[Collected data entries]
= = =

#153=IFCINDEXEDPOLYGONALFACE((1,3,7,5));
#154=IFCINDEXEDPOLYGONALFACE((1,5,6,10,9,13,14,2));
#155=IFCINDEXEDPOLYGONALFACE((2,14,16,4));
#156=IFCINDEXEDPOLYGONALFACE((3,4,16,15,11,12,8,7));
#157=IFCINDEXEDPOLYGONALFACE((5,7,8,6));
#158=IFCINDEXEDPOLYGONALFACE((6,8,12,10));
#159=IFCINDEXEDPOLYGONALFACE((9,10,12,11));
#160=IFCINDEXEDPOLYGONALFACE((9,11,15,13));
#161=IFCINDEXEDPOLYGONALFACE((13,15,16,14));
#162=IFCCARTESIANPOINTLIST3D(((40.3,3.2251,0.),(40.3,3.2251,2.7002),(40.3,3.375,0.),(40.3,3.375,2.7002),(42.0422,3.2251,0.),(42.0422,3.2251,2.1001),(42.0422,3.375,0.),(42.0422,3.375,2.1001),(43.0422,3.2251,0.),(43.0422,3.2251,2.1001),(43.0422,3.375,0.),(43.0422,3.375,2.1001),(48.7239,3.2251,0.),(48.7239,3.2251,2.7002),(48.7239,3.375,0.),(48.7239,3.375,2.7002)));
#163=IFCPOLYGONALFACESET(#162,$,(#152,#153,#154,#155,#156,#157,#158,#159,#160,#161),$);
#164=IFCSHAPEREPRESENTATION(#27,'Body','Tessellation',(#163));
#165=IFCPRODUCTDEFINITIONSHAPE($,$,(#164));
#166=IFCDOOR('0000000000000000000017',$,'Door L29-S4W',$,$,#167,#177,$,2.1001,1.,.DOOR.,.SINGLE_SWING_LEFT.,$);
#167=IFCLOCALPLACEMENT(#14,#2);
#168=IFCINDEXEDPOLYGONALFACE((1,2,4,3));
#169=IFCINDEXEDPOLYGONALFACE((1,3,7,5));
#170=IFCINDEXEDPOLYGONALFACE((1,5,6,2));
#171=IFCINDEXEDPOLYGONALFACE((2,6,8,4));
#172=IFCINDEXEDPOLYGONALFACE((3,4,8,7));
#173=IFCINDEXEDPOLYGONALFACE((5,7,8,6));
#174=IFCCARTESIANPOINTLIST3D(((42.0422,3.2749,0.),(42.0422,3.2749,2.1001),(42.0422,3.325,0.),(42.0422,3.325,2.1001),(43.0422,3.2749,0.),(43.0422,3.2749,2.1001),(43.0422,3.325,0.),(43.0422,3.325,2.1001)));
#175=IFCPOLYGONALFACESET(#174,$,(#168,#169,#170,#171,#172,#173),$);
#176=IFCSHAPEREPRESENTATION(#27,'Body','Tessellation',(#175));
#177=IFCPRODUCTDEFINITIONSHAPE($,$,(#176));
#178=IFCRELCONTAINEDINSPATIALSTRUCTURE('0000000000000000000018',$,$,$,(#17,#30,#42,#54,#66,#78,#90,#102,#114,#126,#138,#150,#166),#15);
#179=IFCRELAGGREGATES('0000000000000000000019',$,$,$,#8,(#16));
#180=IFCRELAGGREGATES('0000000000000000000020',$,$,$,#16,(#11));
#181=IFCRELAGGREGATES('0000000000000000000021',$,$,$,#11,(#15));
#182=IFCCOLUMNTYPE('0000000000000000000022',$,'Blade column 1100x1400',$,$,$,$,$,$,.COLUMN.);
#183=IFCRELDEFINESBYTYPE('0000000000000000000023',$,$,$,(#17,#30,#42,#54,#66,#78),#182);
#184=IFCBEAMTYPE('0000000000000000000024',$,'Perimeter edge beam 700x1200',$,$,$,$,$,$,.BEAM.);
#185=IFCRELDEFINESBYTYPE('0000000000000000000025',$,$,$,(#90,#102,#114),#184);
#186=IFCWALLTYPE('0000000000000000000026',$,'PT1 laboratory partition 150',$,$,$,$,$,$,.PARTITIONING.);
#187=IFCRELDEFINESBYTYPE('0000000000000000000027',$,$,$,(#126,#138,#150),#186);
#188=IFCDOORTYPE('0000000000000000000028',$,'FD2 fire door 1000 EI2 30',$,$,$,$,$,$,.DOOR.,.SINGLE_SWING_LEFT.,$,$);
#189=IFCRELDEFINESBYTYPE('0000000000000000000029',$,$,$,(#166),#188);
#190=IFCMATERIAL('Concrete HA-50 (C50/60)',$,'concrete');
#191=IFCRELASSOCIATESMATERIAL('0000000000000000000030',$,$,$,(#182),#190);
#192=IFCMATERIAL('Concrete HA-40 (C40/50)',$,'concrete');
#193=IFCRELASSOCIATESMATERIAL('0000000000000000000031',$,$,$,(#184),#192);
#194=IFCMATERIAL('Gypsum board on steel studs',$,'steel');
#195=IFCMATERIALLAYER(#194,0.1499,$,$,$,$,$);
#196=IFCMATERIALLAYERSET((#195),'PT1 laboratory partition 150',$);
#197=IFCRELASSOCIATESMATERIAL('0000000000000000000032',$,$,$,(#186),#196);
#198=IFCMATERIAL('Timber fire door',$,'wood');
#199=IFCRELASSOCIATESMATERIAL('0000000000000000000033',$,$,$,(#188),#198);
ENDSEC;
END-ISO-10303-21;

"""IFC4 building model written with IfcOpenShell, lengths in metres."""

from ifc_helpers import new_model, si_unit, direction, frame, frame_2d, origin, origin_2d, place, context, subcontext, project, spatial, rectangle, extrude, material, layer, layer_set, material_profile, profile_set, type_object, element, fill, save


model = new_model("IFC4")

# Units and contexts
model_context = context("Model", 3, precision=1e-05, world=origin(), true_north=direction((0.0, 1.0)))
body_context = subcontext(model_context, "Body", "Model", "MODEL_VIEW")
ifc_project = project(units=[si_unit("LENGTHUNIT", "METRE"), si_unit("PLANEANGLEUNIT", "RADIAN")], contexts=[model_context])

= = =

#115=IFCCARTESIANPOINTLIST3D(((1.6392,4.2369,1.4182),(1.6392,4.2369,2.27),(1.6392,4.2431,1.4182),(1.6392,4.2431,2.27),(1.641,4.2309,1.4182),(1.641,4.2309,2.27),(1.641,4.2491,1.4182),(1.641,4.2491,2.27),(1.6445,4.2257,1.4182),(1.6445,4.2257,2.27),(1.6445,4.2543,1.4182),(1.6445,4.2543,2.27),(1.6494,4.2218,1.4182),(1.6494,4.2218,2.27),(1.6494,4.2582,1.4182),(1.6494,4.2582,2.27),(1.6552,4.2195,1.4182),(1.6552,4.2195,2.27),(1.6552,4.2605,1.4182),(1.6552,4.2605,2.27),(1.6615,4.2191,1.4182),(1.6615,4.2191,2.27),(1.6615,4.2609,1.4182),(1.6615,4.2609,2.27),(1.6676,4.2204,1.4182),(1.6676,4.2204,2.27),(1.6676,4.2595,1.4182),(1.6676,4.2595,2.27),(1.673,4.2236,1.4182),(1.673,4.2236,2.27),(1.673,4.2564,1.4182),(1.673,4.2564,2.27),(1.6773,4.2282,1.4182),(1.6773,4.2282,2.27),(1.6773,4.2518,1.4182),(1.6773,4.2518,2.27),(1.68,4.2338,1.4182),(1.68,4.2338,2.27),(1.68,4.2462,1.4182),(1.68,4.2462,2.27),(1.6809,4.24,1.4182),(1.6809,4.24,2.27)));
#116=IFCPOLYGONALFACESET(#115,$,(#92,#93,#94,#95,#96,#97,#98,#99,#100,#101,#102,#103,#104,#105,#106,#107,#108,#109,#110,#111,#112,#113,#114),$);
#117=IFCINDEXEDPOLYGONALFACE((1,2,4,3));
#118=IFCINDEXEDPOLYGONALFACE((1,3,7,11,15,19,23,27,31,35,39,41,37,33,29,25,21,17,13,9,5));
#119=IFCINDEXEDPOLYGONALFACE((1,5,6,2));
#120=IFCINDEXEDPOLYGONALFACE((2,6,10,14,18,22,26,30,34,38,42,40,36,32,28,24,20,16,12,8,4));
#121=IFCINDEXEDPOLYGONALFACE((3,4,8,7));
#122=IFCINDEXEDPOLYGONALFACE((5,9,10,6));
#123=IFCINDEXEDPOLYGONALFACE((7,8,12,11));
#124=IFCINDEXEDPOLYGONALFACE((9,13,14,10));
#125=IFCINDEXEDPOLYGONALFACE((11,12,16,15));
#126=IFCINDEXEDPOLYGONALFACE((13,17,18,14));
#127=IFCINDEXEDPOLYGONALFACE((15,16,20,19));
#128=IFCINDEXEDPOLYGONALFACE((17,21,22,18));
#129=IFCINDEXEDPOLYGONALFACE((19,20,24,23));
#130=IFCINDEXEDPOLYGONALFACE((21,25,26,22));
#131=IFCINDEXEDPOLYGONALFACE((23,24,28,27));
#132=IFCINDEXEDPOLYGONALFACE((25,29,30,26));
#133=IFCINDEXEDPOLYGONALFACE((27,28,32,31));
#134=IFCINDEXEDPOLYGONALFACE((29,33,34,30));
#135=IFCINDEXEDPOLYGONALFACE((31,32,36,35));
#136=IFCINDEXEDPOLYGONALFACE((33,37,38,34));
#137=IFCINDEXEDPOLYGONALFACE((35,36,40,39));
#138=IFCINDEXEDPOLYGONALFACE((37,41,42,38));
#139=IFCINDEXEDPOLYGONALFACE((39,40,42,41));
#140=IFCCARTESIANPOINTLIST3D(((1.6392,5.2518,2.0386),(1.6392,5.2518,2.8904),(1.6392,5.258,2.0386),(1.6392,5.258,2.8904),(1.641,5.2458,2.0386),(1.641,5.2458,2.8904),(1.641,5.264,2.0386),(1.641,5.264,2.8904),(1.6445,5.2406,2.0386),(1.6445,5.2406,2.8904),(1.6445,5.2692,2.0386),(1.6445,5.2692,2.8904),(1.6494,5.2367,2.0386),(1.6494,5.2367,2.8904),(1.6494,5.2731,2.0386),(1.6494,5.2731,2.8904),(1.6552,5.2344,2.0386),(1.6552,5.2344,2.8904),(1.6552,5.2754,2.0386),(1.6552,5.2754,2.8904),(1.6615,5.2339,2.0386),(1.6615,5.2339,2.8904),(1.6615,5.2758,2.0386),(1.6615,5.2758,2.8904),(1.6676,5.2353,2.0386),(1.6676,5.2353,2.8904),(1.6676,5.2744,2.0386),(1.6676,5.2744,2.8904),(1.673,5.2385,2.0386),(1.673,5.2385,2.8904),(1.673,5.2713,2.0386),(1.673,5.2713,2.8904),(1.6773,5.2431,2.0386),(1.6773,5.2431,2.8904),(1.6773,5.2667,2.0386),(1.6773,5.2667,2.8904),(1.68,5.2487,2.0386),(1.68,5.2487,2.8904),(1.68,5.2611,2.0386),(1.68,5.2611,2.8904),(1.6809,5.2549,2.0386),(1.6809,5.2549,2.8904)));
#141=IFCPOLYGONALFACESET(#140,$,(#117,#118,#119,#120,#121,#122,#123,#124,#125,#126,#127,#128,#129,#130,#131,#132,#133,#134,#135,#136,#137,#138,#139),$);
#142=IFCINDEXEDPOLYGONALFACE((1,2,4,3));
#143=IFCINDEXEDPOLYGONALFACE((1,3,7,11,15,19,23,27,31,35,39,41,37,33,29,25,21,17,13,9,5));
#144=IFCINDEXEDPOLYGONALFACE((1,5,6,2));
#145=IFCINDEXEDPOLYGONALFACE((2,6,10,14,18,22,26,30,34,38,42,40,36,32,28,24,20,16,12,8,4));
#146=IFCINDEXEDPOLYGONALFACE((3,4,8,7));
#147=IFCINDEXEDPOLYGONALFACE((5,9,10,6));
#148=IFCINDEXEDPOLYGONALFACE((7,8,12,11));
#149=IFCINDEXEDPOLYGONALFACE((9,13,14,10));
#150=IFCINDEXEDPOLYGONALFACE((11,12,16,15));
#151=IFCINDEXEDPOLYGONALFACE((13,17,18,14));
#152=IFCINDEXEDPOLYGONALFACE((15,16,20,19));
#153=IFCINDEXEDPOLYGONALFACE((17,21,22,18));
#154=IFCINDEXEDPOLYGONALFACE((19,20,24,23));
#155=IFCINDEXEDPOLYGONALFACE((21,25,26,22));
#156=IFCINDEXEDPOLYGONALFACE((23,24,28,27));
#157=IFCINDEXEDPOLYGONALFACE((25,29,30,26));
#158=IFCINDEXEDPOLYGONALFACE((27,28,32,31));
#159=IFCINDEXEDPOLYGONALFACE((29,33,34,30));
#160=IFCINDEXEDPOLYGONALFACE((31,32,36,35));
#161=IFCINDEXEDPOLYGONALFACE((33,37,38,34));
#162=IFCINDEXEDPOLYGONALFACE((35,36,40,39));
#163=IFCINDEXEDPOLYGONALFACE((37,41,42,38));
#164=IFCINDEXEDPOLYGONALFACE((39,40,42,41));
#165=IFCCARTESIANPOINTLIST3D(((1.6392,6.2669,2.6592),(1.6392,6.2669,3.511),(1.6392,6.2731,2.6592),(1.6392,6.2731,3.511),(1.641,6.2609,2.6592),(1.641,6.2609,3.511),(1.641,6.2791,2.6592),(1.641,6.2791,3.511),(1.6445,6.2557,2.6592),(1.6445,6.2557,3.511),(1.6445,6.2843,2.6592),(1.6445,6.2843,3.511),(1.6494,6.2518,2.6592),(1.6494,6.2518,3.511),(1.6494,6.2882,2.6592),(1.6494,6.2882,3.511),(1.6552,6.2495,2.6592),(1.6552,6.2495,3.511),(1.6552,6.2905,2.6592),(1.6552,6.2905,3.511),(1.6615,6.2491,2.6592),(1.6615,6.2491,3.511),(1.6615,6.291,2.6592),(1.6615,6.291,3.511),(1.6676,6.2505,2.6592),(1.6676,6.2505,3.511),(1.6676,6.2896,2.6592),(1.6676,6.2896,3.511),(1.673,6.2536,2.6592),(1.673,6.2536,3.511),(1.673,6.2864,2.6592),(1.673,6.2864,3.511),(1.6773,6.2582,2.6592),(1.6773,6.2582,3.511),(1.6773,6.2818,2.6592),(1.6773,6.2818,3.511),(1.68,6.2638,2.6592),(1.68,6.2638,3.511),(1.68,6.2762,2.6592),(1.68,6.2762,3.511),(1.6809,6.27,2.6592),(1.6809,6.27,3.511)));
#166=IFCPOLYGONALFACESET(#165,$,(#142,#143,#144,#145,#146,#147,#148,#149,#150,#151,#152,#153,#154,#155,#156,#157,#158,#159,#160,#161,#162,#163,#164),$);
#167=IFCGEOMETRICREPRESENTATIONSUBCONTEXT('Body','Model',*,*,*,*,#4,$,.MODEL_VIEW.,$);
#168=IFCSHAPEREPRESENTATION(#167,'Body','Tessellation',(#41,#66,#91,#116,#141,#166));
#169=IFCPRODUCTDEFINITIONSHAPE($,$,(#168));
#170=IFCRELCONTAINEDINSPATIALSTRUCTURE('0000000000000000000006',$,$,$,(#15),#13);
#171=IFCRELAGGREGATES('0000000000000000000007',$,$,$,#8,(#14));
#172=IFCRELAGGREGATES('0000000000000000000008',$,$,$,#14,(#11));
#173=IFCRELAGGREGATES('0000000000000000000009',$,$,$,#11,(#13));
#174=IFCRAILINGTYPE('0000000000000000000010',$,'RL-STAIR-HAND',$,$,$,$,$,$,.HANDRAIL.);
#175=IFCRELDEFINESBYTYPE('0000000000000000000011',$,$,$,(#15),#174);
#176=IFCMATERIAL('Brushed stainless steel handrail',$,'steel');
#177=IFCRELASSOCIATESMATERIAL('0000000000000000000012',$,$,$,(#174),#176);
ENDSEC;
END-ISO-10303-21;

= = =

In the data above, how many lines contain the word "laboratory"? Only the number is wanted.

2